* _Exercise_: The answer should be one number: how many lines in the records below contain the word "SweptSolid".

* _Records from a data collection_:
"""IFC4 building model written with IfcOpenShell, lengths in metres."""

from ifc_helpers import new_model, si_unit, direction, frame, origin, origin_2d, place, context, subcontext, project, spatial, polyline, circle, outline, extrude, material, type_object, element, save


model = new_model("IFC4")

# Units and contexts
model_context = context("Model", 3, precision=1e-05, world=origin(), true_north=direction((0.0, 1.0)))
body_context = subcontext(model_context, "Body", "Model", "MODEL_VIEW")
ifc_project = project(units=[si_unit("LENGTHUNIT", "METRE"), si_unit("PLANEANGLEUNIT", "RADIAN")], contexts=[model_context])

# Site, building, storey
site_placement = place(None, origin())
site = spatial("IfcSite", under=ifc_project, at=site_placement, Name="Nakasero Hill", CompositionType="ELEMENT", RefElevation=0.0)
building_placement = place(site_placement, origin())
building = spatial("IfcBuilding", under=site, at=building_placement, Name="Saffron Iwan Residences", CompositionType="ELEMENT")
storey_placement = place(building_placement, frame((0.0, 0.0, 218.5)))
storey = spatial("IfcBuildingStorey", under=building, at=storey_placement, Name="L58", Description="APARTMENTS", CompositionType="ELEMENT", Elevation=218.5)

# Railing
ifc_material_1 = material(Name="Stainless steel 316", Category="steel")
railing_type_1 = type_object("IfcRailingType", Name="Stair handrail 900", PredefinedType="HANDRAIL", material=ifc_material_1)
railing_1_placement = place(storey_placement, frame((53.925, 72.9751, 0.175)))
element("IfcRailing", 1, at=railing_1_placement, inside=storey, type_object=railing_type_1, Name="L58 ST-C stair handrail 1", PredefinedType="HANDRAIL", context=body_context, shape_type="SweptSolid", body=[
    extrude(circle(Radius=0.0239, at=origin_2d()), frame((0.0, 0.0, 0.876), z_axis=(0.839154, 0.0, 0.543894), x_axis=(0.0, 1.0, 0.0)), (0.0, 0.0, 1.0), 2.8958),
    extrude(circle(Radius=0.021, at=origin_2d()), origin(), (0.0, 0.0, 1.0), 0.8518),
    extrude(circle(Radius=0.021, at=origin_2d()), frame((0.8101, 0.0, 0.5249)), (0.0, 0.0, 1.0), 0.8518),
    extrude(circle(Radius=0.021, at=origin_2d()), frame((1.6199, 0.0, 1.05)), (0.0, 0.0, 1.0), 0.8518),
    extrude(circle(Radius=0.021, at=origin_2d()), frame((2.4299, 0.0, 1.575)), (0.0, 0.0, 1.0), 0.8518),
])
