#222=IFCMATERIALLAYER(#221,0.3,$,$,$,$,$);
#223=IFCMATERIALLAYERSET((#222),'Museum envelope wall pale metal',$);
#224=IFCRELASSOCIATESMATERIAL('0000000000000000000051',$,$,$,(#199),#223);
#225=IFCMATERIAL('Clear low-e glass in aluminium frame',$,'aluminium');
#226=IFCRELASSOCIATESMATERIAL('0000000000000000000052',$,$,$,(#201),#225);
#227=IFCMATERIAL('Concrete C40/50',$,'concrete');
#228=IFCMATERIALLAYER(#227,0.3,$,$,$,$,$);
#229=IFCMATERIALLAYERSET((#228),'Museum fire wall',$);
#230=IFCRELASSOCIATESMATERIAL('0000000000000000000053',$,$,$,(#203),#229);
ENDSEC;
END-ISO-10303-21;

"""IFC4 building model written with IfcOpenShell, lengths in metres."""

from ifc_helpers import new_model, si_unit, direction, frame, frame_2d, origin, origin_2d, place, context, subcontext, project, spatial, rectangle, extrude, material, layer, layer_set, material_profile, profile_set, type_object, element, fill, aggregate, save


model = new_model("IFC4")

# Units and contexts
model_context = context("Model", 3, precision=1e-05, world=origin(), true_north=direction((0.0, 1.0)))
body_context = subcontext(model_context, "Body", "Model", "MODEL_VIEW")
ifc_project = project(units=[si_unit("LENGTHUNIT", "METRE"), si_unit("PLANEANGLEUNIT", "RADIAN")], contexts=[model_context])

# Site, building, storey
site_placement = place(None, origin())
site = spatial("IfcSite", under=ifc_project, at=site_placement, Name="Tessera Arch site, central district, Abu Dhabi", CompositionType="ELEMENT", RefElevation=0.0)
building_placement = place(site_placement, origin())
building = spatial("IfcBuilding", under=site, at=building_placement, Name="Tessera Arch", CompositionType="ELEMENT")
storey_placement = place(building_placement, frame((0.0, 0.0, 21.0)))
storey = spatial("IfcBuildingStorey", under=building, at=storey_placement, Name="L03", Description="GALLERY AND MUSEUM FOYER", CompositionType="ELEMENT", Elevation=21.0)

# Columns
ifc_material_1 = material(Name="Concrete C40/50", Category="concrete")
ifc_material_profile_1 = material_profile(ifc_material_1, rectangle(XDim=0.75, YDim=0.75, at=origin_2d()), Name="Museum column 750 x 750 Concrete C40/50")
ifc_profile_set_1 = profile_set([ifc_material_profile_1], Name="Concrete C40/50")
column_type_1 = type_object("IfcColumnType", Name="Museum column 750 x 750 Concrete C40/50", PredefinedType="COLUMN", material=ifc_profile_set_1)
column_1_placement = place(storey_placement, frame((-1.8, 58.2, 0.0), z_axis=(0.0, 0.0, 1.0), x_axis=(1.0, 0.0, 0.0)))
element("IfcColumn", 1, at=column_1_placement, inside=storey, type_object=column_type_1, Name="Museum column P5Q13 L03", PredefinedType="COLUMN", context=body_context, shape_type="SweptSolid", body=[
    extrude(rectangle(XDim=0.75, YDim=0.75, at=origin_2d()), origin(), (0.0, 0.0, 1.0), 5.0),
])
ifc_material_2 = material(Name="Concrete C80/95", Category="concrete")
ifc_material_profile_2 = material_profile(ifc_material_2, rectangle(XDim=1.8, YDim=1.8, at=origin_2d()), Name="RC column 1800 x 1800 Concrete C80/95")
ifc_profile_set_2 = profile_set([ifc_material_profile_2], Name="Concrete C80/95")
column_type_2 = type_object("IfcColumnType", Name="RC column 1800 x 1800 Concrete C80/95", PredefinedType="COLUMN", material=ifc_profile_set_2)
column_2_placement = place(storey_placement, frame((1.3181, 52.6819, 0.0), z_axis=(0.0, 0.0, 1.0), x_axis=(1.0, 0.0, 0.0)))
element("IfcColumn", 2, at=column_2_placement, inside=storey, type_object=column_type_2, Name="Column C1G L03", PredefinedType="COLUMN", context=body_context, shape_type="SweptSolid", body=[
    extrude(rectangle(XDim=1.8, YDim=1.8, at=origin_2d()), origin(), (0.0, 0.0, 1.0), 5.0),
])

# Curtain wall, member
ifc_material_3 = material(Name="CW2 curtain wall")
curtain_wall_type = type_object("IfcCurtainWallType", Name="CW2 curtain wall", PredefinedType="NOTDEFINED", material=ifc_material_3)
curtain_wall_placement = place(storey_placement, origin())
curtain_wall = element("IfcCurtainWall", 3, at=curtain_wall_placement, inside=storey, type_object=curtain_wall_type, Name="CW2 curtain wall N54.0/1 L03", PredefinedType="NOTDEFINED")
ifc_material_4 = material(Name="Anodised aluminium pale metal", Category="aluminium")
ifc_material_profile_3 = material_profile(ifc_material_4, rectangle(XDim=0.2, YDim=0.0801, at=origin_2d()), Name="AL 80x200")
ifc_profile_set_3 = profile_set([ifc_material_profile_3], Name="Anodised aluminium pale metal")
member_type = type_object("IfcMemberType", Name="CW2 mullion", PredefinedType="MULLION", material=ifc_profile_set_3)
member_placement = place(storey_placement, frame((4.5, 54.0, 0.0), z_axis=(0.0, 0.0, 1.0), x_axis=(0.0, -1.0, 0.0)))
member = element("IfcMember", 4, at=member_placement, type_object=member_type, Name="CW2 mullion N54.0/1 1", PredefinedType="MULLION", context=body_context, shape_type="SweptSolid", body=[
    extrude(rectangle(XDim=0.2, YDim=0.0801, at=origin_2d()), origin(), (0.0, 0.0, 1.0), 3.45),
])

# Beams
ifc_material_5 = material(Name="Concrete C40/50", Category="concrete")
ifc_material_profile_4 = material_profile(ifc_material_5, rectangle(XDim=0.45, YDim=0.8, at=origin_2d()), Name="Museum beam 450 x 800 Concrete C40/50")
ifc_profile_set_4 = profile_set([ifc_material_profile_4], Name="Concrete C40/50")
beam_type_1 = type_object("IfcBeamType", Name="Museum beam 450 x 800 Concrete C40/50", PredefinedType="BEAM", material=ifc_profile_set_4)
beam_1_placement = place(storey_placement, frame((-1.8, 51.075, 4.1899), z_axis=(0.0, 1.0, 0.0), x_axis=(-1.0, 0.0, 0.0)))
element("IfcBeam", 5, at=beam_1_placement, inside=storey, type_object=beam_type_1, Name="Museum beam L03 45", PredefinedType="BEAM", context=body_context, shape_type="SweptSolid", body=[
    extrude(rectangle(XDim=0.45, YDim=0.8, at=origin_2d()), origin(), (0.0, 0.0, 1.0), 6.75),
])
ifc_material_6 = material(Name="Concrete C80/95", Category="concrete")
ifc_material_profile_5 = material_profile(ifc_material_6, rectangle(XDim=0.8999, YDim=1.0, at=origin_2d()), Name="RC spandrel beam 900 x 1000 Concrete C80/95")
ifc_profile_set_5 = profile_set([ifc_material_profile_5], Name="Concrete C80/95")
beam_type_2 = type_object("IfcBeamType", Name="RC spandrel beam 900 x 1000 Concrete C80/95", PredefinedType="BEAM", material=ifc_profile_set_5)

==

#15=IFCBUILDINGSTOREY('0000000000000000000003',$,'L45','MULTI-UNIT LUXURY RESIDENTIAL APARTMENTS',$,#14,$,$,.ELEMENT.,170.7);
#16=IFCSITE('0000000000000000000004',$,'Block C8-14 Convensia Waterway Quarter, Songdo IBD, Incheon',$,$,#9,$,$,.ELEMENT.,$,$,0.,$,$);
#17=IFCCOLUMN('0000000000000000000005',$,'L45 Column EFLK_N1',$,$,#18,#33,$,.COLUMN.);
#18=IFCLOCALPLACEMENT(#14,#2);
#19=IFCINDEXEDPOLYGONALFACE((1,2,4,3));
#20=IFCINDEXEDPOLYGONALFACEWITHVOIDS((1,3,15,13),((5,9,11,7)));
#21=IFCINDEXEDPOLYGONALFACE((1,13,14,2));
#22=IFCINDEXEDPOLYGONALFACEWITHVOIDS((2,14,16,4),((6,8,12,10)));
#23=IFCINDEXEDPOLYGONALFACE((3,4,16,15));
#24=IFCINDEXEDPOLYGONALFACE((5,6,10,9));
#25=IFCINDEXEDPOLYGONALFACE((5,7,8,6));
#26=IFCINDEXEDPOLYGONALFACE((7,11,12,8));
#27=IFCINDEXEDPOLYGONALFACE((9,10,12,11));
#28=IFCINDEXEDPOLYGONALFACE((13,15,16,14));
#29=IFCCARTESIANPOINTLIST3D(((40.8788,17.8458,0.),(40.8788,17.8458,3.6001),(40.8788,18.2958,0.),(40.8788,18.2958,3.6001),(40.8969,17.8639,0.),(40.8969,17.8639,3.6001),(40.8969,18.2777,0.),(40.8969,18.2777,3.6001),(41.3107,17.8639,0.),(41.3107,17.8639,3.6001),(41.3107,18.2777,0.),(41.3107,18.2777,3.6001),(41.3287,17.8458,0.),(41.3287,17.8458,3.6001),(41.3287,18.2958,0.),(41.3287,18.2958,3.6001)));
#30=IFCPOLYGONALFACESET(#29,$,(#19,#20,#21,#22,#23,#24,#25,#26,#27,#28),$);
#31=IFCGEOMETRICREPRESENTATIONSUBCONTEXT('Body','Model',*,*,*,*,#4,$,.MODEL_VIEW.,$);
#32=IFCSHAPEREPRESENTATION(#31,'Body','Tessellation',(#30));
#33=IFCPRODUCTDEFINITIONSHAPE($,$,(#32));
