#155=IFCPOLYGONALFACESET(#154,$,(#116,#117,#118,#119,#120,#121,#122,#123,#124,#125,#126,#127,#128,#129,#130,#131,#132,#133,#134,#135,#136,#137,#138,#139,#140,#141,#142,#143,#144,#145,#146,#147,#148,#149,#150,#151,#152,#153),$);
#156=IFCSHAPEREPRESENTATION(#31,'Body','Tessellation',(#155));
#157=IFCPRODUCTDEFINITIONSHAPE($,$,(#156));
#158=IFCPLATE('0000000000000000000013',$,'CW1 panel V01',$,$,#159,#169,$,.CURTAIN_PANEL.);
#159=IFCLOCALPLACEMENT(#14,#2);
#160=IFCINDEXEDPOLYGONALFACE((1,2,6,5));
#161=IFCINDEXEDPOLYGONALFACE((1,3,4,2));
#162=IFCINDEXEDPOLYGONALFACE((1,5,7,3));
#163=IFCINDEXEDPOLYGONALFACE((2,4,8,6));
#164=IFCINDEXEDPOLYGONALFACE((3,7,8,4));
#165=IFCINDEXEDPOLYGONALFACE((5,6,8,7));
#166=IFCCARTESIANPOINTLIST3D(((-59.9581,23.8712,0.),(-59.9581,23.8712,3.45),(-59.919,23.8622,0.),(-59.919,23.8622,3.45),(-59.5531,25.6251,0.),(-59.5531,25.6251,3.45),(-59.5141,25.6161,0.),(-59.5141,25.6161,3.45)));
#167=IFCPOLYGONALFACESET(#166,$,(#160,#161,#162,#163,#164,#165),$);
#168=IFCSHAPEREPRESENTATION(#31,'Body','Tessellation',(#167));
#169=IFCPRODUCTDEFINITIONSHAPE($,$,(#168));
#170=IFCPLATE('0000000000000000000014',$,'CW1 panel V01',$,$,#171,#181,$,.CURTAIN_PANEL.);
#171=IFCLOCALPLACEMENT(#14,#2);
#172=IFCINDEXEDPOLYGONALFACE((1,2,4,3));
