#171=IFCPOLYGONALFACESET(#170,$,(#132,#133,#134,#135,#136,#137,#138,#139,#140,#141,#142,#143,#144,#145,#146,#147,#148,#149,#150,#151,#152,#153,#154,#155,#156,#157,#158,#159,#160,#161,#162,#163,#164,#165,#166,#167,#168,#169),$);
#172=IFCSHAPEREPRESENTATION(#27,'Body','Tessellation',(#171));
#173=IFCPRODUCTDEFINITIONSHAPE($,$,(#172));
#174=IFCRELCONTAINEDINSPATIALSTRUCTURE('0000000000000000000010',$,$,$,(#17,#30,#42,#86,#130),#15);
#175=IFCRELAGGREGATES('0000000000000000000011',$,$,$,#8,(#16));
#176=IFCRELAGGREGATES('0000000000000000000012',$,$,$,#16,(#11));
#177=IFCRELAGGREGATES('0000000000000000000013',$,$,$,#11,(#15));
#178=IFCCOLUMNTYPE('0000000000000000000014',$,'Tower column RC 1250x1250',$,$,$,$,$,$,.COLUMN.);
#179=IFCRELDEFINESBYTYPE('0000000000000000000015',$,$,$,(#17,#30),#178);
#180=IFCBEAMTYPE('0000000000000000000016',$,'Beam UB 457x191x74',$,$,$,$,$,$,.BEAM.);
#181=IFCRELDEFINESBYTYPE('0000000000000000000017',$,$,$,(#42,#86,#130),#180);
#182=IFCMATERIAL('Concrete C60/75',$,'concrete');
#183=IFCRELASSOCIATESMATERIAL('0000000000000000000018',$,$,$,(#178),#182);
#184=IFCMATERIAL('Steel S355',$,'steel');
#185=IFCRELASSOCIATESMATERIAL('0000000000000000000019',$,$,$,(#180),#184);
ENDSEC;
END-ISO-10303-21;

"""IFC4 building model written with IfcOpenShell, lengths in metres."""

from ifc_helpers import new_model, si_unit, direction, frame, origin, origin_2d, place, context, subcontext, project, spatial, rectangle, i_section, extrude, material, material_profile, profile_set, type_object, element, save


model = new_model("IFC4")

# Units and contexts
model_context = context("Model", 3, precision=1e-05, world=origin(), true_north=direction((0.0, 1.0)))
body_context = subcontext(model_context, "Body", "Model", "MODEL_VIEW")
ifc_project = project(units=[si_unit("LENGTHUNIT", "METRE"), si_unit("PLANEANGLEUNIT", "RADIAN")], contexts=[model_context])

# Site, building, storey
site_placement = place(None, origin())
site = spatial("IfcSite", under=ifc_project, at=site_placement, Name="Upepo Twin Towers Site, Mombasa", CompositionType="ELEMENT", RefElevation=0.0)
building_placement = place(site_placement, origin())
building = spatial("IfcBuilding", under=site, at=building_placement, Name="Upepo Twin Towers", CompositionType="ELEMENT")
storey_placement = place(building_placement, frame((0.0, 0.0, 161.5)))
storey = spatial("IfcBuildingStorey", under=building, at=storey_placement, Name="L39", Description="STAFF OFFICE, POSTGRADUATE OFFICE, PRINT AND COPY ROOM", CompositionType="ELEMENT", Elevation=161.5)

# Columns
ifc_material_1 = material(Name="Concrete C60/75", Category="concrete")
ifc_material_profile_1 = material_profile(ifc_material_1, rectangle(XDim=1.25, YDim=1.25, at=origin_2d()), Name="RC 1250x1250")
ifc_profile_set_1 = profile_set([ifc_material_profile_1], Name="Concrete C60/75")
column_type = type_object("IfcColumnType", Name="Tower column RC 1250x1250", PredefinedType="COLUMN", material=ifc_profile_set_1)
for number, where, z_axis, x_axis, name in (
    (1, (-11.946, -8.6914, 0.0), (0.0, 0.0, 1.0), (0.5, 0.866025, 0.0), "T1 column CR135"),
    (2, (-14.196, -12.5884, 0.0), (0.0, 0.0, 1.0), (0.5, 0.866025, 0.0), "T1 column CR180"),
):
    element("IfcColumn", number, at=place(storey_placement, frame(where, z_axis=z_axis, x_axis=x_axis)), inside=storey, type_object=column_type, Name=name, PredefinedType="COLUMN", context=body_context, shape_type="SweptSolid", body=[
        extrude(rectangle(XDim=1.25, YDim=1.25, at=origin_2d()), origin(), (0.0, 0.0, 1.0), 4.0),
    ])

* _Problem solution_: 6